RECORDED DATA START

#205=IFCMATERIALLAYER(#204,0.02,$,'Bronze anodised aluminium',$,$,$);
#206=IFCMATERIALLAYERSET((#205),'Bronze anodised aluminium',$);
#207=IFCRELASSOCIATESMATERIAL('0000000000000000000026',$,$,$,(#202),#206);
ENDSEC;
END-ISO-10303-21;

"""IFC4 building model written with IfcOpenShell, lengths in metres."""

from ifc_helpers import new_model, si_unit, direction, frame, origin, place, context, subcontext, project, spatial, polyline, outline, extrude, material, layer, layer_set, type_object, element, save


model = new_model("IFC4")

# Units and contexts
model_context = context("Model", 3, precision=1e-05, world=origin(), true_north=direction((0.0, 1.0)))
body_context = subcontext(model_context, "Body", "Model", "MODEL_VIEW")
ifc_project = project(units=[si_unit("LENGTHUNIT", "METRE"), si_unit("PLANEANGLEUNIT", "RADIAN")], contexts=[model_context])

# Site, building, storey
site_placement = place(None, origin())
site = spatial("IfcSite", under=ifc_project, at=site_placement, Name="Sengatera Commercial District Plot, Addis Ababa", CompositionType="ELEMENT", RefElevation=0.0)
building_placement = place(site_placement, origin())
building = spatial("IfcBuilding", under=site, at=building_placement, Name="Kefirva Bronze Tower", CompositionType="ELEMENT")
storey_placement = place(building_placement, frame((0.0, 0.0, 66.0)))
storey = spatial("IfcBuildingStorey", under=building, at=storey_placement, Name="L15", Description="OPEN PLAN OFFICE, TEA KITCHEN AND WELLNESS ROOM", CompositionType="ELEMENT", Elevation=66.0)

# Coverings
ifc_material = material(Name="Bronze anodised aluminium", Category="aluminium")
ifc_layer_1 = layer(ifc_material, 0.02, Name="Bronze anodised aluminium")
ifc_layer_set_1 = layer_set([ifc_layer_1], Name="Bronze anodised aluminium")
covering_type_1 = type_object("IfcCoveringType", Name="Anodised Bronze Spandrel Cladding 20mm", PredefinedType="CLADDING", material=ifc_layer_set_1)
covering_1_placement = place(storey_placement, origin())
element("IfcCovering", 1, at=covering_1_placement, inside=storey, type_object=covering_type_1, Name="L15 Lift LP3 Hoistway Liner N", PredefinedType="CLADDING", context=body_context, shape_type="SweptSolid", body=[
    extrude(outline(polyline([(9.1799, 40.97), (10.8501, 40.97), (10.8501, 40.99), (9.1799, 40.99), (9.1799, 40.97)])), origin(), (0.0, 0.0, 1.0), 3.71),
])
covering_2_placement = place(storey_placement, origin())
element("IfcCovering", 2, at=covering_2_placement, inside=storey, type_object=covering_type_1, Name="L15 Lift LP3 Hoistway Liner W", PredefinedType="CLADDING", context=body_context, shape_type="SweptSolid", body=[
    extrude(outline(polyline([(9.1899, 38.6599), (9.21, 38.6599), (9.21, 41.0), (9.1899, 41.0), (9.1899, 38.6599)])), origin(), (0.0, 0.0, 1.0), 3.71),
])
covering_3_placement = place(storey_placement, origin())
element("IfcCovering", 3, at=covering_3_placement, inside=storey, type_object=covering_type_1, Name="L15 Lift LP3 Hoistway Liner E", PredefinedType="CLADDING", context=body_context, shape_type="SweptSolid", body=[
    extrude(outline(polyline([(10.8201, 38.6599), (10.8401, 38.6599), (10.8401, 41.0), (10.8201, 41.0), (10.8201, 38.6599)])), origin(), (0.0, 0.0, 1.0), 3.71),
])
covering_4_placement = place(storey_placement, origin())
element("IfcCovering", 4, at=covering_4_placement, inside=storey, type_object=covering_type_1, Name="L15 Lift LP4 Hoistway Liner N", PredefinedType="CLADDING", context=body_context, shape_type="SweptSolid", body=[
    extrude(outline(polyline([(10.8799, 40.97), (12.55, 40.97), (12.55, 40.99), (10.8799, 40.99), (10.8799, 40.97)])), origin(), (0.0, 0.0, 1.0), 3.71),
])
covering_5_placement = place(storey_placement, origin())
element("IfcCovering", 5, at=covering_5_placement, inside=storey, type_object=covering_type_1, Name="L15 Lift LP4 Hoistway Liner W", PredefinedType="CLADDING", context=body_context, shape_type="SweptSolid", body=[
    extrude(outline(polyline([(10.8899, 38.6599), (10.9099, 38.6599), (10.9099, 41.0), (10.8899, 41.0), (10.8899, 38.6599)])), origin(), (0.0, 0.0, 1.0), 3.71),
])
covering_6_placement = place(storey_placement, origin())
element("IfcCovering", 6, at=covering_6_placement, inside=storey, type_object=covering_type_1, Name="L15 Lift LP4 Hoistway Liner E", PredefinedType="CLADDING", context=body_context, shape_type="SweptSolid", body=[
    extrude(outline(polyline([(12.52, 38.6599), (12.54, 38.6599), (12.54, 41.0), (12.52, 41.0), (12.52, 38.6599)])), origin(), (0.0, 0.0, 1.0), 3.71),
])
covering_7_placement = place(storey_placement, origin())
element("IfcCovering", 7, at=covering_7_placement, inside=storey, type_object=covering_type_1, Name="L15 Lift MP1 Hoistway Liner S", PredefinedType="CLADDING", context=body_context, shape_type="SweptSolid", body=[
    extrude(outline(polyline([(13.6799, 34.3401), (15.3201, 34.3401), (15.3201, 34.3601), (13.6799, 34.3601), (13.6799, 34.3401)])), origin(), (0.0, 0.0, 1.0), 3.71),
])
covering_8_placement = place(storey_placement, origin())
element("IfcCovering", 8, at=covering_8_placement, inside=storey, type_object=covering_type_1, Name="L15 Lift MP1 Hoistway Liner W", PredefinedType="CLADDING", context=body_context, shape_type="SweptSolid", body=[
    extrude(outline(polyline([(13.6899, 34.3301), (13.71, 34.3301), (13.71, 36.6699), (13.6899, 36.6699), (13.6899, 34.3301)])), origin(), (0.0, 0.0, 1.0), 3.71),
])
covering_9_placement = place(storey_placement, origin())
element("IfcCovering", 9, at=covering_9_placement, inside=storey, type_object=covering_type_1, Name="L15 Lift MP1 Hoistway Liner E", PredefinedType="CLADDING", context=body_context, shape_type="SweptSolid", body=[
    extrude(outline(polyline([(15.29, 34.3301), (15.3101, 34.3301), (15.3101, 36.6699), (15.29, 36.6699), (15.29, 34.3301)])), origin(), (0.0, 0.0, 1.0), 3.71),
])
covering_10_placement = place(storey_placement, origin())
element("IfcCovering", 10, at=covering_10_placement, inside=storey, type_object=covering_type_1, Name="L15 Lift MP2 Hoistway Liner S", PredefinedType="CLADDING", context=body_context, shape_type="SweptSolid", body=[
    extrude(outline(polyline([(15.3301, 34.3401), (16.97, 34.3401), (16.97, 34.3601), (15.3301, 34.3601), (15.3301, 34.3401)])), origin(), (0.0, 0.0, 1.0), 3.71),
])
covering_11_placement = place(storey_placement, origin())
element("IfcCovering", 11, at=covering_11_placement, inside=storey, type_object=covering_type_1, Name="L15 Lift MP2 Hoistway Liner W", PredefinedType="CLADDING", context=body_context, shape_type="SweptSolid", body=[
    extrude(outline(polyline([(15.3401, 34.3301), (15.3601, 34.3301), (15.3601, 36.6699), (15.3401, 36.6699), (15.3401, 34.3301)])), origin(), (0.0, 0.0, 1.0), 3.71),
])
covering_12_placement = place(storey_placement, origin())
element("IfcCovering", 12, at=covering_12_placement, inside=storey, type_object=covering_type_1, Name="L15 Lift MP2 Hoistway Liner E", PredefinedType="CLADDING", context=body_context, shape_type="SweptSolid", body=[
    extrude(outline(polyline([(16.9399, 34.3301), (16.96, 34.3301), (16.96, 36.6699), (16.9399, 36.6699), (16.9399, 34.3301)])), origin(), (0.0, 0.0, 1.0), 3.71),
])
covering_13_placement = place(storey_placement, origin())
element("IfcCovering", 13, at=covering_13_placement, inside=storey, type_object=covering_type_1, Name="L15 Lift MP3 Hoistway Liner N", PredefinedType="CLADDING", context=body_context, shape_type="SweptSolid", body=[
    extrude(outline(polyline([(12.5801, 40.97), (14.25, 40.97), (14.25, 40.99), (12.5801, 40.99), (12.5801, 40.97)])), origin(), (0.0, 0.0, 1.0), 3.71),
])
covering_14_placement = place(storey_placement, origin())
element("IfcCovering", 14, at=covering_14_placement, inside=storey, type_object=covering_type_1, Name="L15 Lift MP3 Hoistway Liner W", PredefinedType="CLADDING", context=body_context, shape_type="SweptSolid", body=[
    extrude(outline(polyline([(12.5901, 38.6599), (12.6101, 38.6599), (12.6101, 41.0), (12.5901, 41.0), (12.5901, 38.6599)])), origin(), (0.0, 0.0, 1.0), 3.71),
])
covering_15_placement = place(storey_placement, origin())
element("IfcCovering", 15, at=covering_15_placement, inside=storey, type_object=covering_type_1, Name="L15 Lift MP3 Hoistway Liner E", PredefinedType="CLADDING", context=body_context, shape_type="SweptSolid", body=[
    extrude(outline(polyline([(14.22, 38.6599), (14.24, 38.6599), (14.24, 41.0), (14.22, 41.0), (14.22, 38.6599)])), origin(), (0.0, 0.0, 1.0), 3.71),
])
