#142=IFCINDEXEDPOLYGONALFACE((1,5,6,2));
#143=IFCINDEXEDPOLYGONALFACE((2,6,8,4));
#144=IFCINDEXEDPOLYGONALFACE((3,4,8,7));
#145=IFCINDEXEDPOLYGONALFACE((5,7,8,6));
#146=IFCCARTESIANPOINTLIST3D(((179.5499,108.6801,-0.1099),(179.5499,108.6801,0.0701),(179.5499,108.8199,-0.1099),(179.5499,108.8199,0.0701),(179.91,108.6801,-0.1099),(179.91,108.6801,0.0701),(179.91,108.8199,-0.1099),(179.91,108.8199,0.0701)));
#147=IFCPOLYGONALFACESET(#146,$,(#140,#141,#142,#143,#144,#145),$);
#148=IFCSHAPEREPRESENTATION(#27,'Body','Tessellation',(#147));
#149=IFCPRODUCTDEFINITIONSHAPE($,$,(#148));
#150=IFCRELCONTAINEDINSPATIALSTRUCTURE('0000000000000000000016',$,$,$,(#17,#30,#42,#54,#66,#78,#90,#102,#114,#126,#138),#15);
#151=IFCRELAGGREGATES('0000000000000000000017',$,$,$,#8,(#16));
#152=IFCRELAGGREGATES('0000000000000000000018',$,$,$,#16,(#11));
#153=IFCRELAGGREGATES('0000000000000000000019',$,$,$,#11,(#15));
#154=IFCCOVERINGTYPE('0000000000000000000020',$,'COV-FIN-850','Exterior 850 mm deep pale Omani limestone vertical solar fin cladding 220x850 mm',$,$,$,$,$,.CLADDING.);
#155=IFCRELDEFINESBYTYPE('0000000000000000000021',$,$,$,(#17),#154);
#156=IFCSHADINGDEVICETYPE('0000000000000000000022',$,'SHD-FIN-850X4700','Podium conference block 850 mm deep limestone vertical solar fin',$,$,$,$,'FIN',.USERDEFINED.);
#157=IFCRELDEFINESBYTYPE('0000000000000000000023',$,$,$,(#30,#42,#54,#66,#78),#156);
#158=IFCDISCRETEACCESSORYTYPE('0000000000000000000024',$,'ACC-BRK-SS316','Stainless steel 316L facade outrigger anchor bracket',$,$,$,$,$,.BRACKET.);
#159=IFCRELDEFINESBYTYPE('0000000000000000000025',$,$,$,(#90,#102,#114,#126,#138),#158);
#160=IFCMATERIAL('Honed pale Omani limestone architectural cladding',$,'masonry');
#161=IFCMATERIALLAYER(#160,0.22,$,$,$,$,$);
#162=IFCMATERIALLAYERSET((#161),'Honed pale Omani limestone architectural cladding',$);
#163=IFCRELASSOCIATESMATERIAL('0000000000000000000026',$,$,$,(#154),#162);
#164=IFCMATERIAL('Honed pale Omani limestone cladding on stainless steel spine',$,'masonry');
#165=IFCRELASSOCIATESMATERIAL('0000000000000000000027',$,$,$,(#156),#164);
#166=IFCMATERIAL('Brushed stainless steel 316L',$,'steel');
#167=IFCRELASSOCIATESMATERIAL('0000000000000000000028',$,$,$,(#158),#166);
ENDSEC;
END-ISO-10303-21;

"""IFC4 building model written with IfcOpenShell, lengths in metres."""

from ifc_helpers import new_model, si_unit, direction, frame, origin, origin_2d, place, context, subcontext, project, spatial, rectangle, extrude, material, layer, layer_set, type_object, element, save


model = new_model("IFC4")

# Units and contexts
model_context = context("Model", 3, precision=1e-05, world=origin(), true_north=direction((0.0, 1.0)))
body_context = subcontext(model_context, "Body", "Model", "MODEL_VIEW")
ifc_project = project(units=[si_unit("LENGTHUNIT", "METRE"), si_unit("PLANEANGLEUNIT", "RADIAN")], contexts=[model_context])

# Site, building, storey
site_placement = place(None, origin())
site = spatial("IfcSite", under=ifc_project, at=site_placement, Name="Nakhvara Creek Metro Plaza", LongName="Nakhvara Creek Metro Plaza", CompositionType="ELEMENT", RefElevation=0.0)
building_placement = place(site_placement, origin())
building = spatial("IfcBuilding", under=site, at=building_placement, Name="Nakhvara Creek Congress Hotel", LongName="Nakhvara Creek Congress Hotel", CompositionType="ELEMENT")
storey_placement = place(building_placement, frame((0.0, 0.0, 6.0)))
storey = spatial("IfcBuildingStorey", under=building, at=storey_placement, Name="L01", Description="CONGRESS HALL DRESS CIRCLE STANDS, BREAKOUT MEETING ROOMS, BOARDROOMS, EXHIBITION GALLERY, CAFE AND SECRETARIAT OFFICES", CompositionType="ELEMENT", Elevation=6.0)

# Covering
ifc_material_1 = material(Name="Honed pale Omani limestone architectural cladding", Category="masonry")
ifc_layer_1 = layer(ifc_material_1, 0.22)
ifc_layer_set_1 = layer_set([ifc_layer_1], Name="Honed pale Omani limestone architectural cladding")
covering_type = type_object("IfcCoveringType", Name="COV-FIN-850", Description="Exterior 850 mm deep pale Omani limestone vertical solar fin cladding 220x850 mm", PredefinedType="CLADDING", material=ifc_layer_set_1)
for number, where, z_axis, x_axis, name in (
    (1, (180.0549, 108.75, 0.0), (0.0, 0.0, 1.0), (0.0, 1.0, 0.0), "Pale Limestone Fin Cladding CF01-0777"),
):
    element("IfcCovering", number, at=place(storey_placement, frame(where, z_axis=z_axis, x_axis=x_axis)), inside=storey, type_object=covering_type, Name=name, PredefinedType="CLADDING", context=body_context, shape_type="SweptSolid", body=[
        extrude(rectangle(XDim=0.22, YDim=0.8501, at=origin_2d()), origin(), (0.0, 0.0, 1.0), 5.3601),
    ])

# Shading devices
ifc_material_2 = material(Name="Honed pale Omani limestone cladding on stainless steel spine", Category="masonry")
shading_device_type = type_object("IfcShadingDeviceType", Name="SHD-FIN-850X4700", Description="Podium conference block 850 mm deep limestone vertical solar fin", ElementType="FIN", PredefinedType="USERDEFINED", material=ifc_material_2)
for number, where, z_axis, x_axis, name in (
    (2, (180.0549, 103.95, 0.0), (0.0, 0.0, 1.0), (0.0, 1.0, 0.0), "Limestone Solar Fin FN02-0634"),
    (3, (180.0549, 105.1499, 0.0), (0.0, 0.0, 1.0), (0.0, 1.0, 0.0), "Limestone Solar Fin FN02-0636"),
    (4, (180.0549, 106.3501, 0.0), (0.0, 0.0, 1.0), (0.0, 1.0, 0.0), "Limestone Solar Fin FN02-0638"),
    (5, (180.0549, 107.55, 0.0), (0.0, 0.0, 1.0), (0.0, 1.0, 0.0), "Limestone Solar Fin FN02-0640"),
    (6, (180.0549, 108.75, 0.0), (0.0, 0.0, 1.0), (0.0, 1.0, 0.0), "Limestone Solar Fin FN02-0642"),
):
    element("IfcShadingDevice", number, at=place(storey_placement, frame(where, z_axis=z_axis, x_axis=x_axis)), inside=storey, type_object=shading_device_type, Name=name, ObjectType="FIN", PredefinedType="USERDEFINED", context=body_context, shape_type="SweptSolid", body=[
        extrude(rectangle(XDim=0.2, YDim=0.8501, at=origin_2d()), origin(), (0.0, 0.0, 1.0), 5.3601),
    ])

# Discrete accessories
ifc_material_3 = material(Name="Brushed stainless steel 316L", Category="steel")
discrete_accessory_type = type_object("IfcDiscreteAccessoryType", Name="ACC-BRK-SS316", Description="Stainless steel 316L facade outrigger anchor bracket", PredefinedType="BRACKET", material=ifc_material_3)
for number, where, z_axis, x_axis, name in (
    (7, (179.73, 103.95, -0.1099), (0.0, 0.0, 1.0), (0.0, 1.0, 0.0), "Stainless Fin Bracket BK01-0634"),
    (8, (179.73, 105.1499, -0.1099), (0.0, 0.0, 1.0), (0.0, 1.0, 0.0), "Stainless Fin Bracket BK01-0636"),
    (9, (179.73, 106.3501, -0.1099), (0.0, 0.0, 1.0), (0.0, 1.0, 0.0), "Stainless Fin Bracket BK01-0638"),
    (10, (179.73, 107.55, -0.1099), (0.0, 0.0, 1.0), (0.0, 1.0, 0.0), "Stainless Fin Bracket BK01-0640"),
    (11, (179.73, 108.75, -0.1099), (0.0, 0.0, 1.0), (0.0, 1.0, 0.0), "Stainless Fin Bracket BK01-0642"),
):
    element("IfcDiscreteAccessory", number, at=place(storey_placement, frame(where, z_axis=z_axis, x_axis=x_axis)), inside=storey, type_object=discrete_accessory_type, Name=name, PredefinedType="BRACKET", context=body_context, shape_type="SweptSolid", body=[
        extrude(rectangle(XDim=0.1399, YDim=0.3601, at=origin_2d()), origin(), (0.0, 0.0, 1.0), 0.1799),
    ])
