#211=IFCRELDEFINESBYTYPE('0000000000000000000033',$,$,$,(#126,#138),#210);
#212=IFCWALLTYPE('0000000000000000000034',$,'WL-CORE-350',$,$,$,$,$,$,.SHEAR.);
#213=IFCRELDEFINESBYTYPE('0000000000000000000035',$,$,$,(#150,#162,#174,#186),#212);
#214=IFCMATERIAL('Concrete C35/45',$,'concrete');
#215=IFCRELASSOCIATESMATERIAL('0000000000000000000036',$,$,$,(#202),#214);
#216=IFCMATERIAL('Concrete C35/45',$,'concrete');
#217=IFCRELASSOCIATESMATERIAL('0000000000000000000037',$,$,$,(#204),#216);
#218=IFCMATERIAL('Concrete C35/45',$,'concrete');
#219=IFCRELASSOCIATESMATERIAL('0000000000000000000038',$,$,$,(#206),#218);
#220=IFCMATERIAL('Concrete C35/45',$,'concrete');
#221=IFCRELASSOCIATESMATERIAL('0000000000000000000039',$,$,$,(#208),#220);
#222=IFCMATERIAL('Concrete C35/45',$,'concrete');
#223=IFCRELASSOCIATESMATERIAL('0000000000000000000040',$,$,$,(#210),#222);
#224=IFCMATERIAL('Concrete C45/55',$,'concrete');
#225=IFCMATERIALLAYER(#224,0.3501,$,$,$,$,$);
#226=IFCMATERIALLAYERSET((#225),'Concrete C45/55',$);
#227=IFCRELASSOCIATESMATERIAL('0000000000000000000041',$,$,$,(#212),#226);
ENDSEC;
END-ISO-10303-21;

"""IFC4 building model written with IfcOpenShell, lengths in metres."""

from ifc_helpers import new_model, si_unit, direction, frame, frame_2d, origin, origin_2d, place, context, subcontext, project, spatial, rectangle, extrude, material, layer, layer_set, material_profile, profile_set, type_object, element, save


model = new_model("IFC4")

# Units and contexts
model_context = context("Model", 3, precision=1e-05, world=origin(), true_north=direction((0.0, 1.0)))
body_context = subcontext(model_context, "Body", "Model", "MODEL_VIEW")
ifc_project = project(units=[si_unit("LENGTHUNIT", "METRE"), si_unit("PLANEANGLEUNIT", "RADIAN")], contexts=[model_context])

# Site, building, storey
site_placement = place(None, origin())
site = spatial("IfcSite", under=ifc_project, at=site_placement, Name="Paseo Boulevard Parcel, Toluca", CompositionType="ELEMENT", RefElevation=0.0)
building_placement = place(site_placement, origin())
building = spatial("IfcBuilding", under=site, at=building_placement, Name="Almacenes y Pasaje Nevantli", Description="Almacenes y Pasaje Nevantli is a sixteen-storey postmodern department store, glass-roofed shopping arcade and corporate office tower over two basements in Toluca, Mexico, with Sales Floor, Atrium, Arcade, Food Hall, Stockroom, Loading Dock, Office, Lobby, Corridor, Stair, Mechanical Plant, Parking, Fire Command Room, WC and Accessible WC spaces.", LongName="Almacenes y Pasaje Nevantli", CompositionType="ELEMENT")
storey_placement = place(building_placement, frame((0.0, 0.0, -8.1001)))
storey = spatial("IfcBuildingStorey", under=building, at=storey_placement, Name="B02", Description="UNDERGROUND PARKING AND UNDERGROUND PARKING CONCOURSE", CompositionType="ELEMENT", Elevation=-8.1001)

RECORDED DATA END

GOAL OF THE EXERCISE:
The answer must consist of each line from the entries that contains the string "spine".

REPLY:
#164=IFCMATERIAL('Honed pale Omani limestone cladding on stainless steel spine',$,'masonry');
ifc_material_2 = material(Name="Honed pale Omani limestone cladding on stainless steel spine", Category="masonry")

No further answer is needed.